Task item: Without further comment, state how many lines in the listing below contain the word "Category".

(Input for this task begins)

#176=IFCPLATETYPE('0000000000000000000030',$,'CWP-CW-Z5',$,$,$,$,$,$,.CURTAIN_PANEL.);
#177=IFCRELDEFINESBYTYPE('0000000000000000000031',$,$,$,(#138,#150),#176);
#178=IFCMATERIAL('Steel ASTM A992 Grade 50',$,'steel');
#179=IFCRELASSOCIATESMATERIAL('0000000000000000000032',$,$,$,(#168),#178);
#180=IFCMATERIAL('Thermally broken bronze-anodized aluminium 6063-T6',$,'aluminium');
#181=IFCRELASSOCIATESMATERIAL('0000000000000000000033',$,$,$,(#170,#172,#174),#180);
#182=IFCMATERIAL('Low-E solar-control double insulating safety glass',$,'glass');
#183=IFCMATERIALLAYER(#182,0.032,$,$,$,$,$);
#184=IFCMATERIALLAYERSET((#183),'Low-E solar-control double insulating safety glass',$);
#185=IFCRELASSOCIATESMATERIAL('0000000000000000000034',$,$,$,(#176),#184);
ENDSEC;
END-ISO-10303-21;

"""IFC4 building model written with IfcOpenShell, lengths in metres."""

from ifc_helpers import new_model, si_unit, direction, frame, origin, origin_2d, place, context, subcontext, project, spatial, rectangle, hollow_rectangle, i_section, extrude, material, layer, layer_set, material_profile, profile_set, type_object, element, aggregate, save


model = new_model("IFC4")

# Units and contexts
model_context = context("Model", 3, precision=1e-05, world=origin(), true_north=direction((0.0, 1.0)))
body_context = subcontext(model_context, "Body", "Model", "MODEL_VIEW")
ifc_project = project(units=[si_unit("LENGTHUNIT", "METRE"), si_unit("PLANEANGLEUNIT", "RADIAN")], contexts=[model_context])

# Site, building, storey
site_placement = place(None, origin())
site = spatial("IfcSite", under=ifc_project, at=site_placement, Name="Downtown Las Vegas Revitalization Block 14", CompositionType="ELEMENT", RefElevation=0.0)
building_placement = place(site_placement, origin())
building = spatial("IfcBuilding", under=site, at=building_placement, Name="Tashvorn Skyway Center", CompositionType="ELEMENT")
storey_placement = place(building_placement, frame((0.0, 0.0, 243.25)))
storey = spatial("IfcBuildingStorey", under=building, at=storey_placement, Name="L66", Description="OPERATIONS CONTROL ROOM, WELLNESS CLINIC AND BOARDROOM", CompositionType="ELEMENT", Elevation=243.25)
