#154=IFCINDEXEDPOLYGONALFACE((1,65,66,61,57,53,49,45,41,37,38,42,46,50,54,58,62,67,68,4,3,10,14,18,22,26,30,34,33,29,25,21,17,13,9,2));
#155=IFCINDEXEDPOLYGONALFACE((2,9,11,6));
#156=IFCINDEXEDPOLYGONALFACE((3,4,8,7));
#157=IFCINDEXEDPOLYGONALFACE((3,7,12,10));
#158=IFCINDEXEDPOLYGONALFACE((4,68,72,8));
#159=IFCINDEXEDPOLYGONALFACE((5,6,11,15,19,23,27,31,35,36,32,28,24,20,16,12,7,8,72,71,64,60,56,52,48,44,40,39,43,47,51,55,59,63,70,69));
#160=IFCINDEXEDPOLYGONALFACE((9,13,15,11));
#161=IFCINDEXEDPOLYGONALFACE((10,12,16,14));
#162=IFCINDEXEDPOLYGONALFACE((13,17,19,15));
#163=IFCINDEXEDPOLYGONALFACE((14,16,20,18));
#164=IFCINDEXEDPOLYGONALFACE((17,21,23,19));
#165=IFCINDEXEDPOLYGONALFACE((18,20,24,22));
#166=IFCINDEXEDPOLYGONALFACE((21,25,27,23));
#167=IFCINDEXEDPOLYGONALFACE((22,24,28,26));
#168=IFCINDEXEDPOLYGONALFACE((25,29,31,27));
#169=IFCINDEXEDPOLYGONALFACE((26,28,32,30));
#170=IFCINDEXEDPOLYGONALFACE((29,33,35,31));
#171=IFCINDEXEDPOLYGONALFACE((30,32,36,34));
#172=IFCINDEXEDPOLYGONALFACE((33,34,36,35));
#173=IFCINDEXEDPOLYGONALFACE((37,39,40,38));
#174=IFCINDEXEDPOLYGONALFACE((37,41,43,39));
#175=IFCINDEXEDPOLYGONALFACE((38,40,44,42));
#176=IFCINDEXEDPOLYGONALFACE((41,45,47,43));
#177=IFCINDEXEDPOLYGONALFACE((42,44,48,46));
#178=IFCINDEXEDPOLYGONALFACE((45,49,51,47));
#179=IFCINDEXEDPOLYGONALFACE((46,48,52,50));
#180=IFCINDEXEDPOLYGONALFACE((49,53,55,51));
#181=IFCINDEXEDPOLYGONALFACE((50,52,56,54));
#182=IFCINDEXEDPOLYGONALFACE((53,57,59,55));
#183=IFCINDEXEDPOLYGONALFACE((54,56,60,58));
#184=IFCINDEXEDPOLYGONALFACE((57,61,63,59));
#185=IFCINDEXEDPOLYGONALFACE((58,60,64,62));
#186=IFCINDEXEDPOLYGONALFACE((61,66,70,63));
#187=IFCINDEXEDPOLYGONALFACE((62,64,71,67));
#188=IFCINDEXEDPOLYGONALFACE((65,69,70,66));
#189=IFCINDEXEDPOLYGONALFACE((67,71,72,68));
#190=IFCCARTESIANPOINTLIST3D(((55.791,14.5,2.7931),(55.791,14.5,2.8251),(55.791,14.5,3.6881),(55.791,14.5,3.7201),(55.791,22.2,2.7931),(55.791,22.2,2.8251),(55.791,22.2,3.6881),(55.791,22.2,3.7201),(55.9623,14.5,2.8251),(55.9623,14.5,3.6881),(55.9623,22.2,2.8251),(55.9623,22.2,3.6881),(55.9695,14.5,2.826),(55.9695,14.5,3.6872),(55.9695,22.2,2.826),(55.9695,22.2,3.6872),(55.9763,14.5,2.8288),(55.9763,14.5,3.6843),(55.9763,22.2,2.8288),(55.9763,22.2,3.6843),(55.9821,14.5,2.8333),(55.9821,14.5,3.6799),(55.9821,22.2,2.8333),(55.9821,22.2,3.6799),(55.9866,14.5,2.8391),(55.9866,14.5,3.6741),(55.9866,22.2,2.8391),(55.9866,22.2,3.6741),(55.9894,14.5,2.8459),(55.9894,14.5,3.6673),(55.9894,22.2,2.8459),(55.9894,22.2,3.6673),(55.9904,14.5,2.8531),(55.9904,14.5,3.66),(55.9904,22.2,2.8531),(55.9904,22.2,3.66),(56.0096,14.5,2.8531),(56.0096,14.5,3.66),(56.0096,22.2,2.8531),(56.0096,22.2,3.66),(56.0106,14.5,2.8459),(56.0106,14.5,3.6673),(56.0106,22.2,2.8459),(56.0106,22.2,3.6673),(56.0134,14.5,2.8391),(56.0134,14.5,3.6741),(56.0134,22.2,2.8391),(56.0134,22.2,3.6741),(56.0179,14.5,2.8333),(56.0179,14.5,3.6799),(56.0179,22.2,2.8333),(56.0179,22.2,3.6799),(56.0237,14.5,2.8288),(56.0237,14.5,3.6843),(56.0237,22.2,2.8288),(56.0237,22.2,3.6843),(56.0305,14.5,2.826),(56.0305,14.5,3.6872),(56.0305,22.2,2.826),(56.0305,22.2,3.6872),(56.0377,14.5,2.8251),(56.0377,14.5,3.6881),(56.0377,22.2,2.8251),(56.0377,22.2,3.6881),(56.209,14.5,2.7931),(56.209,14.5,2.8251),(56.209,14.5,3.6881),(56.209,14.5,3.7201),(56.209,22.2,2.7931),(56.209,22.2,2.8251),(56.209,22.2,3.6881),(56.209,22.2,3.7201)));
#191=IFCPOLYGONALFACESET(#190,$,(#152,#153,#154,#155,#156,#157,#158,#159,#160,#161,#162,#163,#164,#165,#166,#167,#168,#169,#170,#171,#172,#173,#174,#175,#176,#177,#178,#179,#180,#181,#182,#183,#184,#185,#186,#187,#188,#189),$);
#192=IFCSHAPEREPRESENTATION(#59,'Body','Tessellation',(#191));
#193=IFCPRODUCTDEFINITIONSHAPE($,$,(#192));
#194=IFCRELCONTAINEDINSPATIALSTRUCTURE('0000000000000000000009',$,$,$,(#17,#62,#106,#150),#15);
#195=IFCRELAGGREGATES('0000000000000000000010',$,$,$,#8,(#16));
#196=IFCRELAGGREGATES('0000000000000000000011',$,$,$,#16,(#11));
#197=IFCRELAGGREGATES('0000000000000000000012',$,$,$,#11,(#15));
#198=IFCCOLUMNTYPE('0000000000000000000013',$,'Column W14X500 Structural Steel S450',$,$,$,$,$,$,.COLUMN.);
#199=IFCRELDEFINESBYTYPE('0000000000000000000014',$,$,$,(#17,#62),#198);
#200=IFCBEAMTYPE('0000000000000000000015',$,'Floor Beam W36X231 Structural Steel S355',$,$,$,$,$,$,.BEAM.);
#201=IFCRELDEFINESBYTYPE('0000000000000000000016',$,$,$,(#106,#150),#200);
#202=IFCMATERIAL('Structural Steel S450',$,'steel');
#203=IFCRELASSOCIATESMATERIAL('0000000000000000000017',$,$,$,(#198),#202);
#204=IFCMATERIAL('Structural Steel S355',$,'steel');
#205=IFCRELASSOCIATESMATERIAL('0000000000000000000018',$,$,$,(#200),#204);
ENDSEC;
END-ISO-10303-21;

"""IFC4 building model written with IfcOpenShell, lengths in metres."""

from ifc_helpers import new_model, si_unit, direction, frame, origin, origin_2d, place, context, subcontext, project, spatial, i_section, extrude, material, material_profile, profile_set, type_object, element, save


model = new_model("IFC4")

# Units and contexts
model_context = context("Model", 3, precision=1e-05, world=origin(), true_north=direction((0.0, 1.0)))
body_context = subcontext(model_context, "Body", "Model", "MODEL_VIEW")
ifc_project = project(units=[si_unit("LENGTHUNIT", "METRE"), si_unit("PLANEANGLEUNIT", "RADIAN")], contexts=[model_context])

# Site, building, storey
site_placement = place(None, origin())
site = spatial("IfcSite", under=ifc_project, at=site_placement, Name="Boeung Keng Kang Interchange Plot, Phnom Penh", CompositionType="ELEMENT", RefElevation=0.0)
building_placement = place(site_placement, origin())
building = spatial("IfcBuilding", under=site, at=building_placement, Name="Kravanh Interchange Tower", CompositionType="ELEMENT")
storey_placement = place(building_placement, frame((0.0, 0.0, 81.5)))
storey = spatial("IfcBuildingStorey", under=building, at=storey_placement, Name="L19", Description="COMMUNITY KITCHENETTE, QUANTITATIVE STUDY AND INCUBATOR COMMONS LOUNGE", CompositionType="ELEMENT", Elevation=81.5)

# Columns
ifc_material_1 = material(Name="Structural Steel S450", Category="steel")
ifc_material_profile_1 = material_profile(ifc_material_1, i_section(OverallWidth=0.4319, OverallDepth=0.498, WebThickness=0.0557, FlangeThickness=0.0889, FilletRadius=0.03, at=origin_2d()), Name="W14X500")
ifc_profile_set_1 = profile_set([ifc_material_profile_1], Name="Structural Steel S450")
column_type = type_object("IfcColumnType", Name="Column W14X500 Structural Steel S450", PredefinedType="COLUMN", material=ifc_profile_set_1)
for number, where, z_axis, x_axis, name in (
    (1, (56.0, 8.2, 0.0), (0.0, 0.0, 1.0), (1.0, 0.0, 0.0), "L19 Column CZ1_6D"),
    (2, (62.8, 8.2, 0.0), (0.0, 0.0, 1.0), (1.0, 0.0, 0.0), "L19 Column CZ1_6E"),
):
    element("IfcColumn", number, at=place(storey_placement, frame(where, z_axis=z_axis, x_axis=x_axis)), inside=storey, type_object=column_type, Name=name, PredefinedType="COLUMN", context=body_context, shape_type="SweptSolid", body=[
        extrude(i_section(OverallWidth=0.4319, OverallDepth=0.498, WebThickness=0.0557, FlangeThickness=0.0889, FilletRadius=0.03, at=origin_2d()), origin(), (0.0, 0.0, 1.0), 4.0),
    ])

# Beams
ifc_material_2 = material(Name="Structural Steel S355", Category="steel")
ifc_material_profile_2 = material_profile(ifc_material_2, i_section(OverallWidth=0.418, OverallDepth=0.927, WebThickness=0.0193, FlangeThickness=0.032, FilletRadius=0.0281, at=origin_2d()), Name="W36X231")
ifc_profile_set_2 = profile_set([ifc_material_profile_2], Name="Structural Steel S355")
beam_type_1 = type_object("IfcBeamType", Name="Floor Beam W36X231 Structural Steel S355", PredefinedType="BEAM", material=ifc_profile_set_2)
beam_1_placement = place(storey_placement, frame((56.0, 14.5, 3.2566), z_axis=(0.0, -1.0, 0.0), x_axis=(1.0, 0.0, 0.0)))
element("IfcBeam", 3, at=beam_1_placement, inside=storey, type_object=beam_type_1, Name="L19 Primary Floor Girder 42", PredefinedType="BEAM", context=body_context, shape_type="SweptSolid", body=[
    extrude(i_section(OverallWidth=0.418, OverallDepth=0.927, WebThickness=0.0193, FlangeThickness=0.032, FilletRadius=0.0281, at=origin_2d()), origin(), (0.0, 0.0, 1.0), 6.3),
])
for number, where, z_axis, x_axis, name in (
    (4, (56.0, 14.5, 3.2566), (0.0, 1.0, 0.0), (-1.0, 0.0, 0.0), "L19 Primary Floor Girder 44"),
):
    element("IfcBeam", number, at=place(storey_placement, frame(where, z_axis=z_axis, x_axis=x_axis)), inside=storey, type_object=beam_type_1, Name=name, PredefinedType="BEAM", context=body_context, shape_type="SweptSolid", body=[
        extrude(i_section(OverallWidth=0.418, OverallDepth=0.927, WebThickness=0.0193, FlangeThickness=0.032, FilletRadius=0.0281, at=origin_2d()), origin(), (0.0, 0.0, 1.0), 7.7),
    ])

(Input for this task ends)

Problem solution: 2